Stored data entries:
- Opening Delimiter -
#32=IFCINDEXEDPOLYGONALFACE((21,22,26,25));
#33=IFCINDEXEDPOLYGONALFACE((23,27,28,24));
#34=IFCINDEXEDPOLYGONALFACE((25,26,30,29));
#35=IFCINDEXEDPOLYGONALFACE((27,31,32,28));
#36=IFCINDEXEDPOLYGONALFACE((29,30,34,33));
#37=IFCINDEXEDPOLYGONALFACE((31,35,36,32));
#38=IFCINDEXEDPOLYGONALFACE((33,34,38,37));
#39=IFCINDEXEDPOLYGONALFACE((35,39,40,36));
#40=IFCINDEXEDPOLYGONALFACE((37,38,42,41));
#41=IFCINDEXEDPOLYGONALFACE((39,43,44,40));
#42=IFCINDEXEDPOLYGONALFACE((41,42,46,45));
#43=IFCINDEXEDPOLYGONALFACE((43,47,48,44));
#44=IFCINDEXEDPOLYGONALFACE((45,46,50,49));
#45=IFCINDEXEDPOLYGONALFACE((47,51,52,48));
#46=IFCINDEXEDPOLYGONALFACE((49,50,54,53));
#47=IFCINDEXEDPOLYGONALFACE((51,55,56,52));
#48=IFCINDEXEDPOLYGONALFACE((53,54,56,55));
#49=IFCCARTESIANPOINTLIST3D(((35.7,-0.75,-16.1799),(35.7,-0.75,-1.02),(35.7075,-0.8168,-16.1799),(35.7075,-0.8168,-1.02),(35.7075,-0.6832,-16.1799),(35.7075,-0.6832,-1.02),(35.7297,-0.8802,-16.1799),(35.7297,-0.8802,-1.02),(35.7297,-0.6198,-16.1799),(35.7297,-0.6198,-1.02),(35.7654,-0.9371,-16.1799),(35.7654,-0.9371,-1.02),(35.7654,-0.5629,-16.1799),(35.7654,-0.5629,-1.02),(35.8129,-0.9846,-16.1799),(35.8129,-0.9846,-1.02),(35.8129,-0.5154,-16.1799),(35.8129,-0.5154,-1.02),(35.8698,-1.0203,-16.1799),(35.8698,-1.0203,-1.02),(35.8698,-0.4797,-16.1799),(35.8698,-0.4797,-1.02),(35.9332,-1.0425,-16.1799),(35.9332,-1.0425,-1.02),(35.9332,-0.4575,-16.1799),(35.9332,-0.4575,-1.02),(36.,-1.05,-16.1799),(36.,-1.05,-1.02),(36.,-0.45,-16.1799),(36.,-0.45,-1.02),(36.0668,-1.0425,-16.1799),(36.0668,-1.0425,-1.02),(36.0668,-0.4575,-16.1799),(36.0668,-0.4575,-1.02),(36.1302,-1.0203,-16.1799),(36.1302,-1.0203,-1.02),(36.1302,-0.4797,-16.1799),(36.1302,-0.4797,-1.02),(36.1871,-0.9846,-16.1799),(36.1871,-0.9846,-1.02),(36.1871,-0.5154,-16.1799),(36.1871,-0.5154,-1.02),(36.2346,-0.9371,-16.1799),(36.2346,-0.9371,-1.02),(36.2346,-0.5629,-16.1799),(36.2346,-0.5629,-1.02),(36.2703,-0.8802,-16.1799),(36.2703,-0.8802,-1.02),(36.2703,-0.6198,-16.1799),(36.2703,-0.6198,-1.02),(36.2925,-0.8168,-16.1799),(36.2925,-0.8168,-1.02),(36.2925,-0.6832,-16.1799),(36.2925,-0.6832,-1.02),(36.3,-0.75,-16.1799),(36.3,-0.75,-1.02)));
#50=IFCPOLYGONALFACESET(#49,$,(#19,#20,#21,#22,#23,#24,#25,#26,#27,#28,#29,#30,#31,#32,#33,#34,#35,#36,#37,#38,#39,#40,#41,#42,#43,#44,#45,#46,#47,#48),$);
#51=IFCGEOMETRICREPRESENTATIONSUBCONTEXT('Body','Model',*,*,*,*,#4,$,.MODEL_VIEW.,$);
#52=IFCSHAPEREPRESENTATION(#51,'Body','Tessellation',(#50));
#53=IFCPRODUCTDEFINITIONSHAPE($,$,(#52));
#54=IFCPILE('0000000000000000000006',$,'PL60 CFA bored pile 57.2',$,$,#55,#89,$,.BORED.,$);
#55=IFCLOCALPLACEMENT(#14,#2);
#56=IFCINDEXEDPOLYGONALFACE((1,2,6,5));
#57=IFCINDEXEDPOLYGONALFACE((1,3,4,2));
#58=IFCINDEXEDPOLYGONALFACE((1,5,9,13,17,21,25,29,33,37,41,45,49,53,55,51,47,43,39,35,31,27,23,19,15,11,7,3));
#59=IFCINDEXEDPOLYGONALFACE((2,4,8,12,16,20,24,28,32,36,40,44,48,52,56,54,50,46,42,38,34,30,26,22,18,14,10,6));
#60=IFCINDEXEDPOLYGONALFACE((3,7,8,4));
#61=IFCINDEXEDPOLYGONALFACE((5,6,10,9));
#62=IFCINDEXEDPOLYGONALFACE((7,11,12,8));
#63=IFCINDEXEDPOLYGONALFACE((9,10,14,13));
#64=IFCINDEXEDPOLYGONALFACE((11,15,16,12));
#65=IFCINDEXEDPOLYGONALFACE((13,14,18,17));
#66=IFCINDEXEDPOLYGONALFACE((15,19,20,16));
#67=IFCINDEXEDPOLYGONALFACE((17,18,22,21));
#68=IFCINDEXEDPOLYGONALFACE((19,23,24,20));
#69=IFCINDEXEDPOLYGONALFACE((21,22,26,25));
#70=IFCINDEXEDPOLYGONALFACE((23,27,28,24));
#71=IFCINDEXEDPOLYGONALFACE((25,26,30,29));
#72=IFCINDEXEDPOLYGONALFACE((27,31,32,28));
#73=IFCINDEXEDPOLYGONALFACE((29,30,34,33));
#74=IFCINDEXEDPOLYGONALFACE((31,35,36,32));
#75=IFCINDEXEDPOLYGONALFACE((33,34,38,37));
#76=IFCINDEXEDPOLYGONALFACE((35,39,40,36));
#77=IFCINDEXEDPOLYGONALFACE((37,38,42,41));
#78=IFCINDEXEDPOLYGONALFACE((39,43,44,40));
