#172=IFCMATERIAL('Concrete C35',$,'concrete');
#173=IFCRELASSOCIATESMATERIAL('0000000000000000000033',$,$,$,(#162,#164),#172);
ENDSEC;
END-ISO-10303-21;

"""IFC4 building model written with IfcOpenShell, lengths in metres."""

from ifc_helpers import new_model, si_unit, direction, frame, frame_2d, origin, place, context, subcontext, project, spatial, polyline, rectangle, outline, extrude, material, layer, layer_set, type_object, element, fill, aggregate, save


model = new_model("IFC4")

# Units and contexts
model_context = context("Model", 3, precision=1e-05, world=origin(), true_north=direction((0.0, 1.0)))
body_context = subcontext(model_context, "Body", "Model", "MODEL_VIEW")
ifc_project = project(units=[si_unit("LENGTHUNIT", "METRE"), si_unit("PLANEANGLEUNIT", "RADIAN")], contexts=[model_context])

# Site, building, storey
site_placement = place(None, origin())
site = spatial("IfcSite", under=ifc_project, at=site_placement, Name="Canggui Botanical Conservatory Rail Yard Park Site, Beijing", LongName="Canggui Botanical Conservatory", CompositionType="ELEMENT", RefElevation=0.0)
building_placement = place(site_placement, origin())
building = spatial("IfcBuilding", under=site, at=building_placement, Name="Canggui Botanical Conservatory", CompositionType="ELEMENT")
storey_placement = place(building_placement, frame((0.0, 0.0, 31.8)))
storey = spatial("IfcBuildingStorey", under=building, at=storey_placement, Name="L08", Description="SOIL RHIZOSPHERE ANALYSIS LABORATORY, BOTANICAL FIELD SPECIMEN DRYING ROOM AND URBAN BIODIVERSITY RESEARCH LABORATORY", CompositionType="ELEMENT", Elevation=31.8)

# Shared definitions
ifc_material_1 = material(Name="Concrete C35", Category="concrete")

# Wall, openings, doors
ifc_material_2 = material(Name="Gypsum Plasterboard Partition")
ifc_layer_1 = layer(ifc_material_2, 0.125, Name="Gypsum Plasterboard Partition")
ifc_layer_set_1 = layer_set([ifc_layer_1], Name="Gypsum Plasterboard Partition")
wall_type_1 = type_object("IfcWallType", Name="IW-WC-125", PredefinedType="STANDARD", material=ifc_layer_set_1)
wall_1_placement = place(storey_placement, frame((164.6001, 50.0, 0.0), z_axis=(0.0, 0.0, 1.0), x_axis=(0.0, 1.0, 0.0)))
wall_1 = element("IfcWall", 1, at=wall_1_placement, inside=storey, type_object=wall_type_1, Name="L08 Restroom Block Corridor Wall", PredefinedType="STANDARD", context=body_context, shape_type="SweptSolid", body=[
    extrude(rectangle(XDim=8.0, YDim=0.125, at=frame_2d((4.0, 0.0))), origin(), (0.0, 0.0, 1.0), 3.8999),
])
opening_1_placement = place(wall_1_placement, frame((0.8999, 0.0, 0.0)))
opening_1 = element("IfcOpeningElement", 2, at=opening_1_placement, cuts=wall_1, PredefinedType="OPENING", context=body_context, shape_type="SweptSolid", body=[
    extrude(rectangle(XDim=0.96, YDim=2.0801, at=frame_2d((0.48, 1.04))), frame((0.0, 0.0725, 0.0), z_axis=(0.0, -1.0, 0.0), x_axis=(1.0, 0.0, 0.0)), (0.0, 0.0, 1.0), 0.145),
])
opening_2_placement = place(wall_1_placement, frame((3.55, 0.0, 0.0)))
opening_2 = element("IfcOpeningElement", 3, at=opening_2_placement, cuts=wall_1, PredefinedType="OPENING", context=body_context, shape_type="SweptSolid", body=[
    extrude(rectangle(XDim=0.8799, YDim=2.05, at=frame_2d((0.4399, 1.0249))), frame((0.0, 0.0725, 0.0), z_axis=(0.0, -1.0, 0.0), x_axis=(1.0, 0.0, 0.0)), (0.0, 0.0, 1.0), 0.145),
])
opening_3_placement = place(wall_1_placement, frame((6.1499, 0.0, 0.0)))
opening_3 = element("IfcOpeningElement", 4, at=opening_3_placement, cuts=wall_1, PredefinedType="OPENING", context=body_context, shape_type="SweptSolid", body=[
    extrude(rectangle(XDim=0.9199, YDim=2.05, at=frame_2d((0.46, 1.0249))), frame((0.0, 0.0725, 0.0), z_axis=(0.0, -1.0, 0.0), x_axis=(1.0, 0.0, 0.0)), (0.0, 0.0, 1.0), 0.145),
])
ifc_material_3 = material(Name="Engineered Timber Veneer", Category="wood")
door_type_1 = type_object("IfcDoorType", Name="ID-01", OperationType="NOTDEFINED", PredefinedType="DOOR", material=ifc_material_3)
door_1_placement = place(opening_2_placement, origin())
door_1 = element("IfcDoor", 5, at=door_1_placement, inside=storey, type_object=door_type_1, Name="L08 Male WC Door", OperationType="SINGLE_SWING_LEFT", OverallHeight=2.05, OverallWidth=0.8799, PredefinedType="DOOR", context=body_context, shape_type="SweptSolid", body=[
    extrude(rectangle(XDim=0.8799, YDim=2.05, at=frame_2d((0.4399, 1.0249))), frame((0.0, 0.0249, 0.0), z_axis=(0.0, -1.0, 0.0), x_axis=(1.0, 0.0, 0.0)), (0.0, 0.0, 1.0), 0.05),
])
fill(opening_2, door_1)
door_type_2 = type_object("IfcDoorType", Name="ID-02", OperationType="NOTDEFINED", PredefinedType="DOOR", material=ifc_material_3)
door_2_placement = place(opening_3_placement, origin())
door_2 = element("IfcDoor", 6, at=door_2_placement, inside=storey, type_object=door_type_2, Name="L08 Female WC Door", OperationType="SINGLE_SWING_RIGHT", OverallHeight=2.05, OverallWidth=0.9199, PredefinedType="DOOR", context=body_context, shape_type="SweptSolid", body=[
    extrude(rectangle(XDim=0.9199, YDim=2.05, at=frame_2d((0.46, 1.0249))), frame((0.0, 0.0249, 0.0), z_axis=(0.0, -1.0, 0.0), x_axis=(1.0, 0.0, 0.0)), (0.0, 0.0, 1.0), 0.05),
- Closing Delimiter -
● **What you are asked to do**
All lines above from the one with "x_axis=(0.0, 1.0, 0.0)))" to the one with "frame((0.8999, 0.0, 0.0)))", inclusive, should be copied exactly, and no other lines.

● **Task result**
wall_1_placement = place(storey_placement, frame((164.6001, 50.0, 0.0), z_axis=(0.0, 0.0, 1.0), x_axis=(0.0, 1.0, 0.0)))
wall_1 = element("IfcWall", 1, at=wall_1_placement, inside=storey, type_object=wall_type_1, Name="L08 Restroom Block Corridor Wall", PredefinedType="STANDARD", context=body_context, shape_type="SweptSolid", body=[
    extrude(rectangle(XDim=8.0, YDim=0.125, at=frame_2d((4.0, 0.0))), origin(), (0.0, 0.0, 1.0), 3.8999),
])
opening_1_placement = place(wall_1_placement, frame((0.8999, 0.0, 0.0)))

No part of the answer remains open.